Saved data entries:
---------------

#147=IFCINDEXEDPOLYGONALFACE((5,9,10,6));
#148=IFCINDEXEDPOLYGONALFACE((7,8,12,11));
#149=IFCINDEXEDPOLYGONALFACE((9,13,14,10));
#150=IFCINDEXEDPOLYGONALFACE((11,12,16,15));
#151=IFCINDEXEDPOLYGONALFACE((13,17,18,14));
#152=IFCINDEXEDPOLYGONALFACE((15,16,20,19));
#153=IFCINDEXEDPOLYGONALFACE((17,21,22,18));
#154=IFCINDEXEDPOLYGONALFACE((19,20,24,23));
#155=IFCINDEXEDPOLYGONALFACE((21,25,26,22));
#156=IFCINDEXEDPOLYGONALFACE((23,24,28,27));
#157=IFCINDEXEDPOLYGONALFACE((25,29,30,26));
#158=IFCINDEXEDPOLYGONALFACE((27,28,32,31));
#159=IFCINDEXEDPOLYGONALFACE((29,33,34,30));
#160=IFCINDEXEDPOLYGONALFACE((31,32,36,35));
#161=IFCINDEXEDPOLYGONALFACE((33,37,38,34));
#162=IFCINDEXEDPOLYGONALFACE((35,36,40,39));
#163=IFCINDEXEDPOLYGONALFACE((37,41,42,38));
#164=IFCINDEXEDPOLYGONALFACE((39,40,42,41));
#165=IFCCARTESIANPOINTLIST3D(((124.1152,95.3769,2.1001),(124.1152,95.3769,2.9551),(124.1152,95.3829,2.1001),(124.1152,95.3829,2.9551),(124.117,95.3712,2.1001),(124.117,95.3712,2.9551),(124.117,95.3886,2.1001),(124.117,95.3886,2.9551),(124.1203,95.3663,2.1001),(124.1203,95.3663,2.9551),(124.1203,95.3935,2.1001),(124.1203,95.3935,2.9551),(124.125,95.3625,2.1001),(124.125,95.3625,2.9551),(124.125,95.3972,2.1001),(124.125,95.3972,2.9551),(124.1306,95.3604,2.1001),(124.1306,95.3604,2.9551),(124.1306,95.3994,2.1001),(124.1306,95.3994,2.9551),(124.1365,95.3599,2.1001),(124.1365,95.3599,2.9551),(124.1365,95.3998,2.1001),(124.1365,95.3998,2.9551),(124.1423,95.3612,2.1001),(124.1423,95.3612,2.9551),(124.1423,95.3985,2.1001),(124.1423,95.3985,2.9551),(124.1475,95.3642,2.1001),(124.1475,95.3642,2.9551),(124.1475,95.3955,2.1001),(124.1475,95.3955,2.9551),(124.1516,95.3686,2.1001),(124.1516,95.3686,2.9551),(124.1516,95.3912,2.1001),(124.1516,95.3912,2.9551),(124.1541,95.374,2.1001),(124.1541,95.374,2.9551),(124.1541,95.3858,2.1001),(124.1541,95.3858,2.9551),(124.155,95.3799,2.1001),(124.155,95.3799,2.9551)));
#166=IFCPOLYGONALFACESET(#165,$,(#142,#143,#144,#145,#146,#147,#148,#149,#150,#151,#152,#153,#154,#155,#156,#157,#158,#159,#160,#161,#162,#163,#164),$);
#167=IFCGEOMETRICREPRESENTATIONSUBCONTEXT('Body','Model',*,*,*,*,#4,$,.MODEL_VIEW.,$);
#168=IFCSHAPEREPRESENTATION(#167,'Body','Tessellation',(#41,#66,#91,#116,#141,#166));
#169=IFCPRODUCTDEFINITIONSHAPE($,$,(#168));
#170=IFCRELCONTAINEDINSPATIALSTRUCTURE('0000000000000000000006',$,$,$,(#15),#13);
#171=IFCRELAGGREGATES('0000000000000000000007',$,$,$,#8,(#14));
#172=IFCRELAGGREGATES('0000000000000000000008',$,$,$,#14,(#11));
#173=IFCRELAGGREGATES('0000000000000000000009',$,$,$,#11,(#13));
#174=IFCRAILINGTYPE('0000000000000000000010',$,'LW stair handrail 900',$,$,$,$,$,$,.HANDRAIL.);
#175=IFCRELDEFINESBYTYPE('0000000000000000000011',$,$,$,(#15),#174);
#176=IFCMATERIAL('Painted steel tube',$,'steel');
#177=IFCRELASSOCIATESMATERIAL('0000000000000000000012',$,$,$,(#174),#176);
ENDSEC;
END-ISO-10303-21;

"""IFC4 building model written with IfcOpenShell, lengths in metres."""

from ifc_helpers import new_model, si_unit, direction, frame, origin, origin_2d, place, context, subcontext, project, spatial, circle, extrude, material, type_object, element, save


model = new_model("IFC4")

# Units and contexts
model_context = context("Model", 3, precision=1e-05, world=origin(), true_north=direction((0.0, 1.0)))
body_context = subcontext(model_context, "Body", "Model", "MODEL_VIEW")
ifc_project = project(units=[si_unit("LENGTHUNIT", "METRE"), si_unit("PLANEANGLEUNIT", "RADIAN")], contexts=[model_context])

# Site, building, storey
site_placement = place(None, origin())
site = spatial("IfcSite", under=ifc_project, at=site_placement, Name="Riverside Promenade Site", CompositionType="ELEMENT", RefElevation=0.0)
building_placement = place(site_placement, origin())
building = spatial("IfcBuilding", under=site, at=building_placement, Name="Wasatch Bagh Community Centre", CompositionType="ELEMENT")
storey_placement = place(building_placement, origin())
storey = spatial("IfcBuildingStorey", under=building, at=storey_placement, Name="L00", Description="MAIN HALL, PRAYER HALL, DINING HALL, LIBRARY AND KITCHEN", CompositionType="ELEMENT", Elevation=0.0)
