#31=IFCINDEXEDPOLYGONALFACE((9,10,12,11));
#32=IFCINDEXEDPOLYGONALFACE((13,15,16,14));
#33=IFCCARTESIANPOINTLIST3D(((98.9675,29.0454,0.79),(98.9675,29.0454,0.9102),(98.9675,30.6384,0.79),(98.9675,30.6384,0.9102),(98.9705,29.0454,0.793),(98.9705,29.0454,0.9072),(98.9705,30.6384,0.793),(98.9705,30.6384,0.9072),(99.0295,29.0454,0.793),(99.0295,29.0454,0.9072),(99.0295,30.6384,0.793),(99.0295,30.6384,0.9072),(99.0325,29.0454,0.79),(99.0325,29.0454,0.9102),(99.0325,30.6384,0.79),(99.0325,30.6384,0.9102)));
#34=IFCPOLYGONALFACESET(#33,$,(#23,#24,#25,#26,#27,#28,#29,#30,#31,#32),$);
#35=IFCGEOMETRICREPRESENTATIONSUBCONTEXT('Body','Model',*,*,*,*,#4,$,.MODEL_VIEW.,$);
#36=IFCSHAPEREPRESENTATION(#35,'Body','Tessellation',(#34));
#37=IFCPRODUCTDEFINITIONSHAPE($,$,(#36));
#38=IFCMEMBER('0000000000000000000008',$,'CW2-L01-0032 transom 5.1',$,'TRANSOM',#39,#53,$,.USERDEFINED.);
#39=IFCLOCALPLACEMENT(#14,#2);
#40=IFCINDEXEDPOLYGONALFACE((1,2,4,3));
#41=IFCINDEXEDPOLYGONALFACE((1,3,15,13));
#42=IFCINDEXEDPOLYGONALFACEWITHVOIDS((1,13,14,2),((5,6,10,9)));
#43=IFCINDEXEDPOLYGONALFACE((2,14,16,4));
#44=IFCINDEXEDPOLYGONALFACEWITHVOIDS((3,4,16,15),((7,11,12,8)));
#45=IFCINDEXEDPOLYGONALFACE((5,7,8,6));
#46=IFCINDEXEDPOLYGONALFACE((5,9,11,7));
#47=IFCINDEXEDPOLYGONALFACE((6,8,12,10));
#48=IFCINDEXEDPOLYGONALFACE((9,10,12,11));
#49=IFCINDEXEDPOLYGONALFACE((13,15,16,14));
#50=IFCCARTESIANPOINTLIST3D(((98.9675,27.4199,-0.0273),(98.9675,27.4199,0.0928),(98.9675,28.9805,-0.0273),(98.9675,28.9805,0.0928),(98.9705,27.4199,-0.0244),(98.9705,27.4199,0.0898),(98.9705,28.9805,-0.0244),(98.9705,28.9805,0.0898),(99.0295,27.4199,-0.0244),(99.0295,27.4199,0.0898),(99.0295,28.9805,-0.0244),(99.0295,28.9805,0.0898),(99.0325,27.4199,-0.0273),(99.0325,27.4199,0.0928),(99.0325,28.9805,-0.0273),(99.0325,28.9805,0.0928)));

---------------

TASK PROMPT »
Among the records above, only the lines between the line holding "#40=IFCINDEXEDPOLYGONALFACE((1,2,4,3));" and the line holding "#49=IFCINDEXEDPOLYGONALFACE((13,15,16,14));", inclusive, are to be output, exactly as written.

EXERCISE SOLUTION »
#40=IFCINDEXEDPOLYGONALFACE((1,2,4,3));
#41=IFCINDEXEDPOLYGONALFACE((1,3,15,13));
#42=IFCINDEXEDPOLYGONALFACEWITHVOIDS((1,13,14,2),((5,6,10,9)));
#43=IFCINDEXEDPOLYGONALFACE((2,14,16,4));
#44=IFCINDEXEDPOLYGONALFACEWITHVOIDS((3,4,16,15),((7,11,12,8)));
#45=IFCINDEXEDPOLYGONALFACE((5,7,8,6));
#46=IFCINDEXEDPOLYGONALFACE((5,9,11,7));
#47=IFCINDEXEDPOLYGONALFACE((6,8,12,10));
#48=IFCINDEXEDPOLYGONALFACE((9,10,12,11));
#49=IFCINDEXEDPOLYGONALFACE((13,15,16,14));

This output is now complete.